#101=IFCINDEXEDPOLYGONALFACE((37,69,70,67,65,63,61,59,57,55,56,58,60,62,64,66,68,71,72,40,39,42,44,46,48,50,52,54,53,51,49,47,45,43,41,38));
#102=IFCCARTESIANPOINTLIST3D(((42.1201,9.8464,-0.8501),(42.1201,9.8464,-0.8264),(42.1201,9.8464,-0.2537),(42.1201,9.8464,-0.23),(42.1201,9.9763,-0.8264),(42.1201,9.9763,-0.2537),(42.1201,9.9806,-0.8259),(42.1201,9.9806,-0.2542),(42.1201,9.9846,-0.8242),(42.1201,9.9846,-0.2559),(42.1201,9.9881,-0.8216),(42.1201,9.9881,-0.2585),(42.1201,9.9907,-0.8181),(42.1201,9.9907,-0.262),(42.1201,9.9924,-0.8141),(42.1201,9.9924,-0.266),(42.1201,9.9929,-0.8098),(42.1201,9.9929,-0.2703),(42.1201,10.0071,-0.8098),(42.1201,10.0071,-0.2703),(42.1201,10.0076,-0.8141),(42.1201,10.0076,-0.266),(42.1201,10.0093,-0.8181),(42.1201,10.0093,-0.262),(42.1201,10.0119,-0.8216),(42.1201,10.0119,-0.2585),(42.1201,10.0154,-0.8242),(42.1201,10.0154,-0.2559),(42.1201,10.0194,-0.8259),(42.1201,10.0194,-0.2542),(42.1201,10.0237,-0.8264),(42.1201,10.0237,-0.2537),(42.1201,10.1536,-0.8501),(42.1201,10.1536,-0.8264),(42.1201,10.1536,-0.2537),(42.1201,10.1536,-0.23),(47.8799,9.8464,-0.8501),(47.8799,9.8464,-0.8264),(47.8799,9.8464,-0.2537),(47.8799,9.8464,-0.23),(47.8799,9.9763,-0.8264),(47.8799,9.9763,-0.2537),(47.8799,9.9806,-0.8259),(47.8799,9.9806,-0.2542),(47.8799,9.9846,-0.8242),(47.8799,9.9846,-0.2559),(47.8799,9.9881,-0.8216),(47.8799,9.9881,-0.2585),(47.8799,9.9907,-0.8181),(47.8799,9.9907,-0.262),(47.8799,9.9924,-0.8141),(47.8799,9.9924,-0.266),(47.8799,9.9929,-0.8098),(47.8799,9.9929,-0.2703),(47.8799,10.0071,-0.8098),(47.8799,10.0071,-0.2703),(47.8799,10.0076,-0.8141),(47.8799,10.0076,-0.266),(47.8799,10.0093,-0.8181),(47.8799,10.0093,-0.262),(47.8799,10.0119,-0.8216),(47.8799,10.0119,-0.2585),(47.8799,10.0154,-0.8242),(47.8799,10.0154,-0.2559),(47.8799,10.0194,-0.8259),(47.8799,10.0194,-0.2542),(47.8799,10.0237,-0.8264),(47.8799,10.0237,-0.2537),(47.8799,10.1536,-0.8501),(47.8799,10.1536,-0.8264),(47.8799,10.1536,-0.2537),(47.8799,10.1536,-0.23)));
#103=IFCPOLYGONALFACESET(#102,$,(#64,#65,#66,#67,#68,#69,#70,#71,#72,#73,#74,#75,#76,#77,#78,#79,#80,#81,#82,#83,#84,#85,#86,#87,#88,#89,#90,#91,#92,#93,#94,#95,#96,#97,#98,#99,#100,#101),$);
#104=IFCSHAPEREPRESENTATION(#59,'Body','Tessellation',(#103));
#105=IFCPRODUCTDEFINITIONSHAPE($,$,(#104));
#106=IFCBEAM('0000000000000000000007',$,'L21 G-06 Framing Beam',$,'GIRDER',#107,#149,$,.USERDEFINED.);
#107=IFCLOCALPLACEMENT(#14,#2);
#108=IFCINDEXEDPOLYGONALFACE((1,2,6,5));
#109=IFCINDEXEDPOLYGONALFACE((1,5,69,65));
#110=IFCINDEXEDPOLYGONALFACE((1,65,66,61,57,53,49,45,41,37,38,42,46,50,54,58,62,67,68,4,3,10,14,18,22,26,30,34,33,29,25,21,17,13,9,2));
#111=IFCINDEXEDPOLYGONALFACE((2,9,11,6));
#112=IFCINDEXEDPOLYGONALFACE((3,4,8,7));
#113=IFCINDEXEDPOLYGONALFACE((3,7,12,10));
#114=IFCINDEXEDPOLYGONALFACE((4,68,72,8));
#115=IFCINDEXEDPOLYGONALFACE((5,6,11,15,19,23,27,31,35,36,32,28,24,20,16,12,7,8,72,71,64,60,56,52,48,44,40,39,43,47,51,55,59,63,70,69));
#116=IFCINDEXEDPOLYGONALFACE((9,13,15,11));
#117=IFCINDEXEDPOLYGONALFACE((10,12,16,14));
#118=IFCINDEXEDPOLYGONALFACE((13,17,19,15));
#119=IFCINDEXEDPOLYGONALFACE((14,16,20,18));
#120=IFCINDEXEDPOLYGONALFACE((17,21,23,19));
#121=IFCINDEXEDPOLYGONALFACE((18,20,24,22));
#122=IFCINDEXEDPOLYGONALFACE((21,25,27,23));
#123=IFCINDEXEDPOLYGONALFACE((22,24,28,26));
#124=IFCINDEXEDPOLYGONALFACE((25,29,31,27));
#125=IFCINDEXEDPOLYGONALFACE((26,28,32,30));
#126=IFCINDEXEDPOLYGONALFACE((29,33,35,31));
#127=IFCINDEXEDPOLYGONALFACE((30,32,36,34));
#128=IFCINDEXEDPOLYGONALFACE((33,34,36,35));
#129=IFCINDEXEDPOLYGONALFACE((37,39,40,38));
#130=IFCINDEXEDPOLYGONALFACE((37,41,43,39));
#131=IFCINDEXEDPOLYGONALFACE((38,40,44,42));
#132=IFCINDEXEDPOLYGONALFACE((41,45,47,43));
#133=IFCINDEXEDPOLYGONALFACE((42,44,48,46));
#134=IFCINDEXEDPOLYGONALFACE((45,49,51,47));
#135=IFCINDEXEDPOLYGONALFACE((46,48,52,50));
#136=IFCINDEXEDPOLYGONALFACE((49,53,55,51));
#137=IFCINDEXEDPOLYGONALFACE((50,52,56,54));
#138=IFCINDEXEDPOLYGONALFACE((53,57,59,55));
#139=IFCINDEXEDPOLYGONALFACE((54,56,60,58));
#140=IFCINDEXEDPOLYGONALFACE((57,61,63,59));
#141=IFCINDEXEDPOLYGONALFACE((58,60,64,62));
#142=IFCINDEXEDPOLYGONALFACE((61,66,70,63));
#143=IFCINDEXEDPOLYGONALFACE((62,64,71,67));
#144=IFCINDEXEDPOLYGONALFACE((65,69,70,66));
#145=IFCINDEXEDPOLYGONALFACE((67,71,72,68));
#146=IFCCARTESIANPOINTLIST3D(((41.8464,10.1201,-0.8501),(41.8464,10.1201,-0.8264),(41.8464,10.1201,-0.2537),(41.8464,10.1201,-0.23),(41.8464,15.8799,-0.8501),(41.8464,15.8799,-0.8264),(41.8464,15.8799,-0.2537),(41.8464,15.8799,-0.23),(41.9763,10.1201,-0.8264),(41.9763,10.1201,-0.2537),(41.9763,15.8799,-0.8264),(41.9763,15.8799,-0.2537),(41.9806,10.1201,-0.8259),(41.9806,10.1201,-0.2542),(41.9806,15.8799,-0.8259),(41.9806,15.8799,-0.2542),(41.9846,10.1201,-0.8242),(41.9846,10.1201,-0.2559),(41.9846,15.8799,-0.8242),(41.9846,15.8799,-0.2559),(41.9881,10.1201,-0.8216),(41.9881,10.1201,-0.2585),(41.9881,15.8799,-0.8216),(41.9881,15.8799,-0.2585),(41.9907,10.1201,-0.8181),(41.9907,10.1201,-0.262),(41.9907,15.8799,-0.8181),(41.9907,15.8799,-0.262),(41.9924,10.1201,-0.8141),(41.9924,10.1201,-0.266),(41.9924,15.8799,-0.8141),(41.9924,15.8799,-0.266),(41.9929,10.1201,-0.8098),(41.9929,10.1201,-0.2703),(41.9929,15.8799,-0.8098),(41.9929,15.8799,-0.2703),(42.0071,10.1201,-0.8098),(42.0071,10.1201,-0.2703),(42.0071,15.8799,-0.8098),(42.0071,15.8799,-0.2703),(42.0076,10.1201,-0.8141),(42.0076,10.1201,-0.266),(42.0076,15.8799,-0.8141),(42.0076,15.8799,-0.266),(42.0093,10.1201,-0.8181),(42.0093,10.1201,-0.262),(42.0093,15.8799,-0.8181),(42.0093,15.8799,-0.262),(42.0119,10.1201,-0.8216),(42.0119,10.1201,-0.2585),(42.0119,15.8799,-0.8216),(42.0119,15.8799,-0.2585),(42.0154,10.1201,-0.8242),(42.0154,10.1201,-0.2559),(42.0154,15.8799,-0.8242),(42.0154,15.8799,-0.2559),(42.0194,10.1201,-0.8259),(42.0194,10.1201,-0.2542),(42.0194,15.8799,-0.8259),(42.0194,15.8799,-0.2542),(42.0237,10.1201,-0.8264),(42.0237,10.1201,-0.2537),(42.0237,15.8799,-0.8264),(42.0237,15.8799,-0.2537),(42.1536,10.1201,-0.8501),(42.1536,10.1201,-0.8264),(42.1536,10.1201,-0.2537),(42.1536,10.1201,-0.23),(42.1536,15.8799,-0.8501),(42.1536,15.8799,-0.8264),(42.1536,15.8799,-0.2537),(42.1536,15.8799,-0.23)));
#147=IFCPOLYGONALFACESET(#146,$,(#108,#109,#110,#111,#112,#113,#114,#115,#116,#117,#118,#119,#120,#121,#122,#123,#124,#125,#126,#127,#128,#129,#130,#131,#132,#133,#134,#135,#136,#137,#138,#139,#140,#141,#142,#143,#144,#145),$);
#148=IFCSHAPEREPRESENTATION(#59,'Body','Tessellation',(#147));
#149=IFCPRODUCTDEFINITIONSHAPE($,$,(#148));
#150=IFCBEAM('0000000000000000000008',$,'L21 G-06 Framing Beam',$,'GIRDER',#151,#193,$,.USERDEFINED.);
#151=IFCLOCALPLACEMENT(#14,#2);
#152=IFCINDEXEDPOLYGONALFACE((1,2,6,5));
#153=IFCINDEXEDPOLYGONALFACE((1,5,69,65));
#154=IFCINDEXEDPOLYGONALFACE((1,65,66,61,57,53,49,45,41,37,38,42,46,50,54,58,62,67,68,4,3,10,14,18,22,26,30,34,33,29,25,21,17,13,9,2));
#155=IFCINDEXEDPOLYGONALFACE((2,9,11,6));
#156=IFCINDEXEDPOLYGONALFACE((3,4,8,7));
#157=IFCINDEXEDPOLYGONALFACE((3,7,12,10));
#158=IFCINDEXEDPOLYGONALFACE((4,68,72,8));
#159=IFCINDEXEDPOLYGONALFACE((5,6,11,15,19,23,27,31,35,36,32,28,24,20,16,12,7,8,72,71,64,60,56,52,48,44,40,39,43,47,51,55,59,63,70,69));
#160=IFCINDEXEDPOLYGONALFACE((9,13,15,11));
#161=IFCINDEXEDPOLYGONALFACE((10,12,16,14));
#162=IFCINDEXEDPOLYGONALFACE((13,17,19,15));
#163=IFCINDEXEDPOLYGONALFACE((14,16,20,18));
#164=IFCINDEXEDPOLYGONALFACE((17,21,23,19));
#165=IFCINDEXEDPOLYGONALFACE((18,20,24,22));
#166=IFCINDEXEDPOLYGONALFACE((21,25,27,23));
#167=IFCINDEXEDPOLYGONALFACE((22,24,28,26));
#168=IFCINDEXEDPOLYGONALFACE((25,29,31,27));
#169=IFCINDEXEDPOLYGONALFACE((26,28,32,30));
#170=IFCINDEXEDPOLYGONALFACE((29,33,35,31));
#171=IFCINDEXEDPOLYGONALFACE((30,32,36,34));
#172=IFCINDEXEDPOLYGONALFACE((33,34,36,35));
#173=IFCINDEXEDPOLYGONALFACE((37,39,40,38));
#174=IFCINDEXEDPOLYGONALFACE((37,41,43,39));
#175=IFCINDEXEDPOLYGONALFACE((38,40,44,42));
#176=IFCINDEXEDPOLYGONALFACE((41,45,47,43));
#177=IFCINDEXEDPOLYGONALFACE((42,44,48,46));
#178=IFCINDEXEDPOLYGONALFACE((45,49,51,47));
==*==
• **WHAT YOU NEED TO DO**
Exactly as written, copy the lines from the one containing "#172=IFCINDEXEDPOLYGONALFACE((33,34,36,35));" to the end of the entries, both ends included.

• **RESPONSE AREA**
#172=IFCINDEXEDPOLYGONALFACE((33,34,36,35));
#173=IFCINDEXEDPOLYGONALFACE((37,39,40,38));
#174=IFCINDEXEDPOLYGONALFACE((37,41,43,39));
#175=IFCINDEXEDPOLYGONALFACE((38,40,44,42));
#176=IFCINDEXEDPOLYGONALFACE((41,45,47,43));
#177=IFCINDEXEDPOLYGONALFACE((42,44,48,46));
#178=IFCINDEXEDPOLYGONALFACE((45,49,51,47));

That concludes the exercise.